[Saved entries]
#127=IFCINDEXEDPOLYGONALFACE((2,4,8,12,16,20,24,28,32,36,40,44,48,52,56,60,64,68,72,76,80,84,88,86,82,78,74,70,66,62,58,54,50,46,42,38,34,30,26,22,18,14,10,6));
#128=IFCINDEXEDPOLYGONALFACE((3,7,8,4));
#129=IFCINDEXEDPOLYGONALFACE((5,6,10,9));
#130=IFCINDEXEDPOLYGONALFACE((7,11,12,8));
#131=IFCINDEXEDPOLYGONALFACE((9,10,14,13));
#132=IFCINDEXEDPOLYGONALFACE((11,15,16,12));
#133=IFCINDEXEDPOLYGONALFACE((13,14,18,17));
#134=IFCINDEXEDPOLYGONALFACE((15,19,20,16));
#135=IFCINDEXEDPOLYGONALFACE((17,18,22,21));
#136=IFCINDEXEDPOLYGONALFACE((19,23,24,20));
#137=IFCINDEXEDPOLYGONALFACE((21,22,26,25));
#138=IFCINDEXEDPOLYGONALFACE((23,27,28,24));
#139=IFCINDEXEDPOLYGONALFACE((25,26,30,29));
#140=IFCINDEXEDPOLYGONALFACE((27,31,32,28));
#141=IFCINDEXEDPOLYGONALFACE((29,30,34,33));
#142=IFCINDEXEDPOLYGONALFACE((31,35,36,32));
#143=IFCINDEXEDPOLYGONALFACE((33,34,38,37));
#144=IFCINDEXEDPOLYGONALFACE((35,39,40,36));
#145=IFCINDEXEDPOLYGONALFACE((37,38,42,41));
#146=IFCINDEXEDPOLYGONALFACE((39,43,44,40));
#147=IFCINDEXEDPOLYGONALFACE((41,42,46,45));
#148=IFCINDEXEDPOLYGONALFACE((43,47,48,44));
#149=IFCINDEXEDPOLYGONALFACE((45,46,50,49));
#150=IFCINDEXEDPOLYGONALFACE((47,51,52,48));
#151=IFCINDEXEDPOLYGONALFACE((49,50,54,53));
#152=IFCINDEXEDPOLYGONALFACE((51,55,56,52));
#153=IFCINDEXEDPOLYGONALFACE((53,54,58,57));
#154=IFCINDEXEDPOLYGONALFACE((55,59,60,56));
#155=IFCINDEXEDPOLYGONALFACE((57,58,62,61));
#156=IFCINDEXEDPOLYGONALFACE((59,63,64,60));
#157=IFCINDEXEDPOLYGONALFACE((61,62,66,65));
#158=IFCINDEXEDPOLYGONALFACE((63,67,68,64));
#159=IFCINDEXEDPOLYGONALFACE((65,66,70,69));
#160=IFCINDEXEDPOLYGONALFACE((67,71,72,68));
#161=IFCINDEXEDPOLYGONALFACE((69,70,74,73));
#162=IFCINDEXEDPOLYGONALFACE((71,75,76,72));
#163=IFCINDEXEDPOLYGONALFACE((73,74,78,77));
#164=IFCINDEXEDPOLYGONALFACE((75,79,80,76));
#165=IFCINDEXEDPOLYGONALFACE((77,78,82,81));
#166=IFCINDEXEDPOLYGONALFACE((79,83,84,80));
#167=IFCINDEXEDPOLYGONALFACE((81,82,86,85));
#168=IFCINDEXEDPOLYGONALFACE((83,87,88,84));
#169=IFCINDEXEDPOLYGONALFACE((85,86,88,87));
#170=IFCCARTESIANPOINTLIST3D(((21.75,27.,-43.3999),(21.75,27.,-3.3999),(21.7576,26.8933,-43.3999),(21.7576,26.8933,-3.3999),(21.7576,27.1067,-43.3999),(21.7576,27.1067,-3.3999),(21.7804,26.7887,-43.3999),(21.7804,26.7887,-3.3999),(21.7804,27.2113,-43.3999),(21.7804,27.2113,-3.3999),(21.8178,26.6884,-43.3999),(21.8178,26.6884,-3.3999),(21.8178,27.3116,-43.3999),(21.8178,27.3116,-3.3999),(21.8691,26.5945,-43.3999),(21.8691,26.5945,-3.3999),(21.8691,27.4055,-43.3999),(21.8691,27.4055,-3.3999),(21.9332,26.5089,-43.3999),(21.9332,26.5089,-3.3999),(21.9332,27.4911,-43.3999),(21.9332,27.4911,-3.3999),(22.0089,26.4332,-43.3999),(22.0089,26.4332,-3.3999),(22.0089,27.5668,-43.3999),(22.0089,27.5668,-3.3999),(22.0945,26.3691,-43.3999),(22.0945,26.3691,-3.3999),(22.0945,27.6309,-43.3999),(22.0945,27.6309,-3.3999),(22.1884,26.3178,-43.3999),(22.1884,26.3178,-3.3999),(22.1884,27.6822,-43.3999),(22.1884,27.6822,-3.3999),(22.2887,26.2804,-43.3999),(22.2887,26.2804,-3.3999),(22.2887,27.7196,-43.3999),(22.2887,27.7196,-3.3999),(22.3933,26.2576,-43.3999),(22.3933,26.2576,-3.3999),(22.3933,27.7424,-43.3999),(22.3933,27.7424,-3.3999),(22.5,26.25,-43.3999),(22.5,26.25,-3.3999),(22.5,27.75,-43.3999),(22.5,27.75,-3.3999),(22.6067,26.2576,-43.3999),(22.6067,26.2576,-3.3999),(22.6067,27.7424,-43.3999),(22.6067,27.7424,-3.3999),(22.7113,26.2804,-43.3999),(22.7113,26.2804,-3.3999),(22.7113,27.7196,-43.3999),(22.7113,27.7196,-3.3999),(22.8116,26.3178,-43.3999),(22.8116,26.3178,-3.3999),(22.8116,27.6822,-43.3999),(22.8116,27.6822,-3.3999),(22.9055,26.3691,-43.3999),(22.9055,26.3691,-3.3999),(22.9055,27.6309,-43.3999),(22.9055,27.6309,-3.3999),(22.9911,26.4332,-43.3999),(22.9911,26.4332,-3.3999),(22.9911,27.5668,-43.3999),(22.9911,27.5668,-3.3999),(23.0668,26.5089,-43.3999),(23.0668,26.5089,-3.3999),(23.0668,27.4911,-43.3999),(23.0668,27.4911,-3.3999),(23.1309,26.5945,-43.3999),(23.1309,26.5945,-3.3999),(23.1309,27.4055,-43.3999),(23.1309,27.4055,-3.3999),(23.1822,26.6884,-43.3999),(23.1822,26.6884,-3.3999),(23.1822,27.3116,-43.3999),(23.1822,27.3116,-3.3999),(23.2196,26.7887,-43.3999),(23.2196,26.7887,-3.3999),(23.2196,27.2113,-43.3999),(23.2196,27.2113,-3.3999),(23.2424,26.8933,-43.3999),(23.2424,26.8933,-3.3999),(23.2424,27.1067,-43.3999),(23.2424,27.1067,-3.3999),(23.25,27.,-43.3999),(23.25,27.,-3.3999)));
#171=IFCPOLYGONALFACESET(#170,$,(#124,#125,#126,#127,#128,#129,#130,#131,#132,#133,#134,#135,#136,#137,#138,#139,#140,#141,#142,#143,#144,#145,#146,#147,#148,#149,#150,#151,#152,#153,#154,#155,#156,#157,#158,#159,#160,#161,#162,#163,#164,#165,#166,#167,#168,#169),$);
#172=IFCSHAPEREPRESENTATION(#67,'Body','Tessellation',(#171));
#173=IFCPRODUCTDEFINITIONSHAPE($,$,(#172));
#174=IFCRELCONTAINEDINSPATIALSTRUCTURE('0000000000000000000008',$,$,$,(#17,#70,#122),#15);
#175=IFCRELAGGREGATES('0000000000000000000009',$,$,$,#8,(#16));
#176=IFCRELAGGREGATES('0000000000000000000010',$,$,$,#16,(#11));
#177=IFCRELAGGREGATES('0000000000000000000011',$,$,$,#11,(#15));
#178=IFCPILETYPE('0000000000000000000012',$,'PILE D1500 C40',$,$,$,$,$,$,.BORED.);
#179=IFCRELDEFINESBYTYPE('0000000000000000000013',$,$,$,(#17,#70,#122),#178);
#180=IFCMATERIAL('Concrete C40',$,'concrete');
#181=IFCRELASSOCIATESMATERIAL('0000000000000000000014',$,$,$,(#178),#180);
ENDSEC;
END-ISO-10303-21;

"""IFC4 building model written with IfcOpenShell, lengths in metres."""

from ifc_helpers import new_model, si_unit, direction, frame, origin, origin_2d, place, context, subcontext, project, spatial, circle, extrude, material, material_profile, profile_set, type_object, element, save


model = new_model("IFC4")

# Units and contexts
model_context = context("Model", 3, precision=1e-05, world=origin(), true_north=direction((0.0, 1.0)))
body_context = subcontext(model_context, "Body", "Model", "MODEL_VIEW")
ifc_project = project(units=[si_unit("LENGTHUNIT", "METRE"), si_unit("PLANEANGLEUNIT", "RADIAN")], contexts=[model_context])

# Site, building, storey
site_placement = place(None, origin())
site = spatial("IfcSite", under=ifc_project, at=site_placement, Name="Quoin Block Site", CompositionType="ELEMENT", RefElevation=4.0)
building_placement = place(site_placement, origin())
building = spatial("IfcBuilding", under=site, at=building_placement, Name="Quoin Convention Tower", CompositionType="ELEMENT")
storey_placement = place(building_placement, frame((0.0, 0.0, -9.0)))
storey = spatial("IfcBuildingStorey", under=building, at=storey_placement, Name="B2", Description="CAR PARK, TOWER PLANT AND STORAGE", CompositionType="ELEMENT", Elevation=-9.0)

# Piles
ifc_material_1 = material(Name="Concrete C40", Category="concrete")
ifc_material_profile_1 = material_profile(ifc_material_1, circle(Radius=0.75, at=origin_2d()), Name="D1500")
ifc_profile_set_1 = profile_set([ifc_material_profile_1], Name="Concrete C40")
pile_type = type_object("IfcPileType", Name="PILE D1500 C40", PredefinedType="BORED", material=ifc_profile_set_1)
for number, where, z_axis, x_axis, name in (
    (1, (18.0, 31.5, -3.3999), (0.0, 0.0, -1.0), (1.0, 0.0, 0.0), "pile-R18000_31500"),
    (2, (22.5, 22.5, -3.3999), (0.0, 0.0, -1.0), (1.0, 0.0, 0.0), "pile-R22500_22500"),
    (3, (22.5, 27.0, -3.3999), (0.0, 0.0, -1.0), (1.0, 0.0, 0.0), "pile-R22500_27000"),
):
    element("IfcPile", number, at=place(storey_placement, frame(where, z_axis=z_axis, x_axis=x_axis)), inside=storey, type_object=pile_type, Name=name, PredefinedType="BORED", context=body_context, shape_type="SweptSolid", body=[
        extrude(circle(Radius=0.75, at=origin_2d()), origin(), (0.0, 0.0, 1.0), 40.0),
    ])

==

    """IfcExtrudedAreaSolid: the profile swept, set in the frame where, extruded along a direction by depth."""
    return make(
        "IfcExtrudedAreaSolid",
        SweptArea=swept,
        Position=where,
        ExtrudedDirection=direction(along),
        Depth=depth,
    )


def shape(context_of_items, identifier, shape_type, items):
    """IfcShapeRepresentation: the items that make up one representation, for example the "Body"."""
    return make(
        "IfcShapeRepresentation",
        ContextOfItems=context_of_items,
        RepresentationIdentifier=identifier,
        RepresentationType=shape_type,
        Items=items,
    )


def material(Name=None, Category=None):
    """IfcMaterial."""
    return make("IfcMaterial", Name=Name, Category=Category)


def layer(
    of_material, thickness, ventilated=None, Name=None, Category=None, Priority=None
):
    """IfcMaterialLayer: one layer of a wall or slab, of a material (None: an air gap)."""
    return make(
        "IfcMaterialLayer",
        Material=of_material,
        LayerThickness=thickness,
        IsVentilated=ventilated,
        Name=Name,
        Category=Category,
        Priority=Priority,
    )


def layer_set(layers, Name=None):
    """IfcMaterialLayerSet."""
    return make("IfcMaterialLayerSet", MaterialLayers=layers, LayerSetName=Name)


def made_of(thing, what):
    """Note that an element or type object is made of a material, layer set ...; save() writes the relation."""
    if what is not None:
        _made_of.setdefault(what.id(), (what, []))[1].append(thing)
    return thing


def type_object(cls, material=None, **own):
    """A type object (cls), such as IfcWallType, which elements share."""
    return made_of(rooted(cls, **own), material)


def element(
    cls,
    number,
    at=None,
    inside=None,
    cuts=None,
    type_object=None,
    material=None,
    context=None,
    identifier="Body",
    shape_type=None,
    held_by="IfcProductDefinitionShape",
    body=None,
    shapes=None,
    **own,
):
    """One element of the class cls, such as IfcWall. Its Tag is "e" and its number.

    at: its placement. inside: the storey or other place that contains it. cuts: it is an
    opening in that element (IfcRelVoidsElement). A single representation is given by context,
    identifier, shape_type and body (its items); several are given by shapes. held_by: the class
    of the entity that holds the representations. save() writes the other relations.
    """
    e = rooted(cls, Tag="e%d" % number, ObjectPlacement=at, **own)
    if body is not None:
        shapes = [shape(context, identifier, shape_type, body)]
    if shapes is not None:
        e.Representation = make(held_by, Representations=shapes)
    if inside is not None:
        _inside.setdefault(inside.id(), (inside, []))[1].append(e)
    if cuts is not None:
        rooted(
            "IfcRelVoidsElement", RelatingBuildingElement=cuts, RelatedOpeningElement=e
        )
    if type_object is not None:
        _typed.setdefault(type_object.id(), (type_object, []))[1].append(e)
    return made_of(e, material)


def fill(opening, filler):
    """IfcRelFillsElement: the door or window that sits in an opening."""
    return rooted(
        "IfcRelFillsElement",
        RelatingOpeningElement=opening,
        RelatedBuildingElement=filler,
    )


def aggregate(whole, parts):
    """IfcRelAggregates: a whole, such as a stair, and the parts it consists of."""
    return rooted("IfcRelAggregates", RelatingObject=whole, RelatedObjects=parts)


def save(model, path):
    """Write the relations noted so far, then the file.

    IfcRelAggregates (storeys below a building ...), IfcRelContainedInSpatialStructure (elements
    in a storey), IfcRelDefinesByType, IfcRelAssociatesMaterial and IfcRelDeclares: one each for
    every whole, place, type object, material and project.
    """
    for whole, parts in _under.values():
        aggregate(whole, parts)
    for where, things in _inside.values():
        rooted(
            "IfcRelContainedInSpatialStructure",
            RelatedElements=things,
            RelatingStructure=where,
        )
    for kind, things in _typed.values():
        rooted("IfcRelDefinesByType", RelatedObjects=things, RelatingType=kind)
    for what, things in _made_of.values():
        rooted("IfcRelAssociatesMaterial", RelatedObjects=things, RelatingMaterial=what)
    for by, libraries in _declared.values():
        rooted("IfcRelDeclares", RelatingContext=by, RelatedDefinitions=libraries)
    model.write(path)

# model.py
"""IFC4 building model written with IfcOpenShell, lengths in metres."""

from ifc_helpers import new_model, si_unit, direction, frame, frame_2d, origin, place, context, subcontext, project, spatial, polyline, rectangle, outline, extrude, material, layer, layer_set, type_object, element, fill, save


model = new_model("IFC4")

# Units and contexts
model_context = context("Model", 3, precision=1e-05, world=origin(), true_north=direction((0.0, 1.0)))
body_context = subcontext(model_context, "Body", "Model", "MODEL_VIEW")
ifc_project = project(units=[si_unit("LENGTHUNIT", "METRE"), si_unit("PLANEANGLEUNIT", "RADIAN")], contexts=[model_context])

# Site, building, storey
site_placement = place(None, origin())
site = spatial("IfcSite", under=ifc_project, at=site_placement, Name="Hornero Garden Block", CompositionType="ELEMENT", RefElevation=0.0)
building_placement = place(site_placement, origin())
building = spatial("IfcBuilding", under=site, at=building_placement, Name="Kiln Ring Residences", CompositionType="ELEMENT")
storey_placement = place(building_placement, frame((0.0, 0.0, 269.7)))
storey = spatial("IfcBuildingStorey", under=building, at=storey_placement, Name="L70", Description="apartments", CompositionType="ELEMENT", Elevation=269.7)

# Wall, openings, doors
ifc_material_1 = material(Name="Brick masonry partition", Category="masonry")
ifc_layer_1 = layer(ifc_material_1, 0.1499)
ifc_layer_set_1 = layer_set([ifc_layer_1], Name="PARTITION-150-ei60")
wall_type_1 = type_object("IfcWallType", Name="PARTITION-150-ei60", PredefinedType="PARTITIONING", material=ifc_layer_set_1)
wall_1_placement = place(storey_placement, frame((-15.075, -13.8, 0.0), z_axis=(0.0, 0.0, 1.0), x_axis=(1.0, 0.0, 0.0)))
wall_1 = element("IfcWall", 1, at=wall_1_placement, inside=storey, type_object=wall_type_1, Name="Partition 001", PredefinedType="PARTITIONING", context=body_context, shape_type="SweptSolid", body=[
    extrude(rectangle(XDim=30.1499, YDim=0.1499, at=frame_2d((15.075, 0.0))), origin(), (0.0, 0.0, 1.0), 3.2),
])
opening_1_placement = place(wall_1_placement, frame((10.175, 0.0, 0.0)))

→ GOAL OF THE EXERCISE: Show all lines from the entries that hold "whole".

→ EXERCISE RESPONSE:
def aggregate(whole, parts):
    """IfcRelAggregates: a whole, such as a stair, and the parts it consists of."""
    return rooted("IfcRelAggregates", RelatingObject=whole, RelatedObjects=parts)
    every whole, place, type object, material and project.
    for whole, parts in _under.values():
        aggregate(whole, parts)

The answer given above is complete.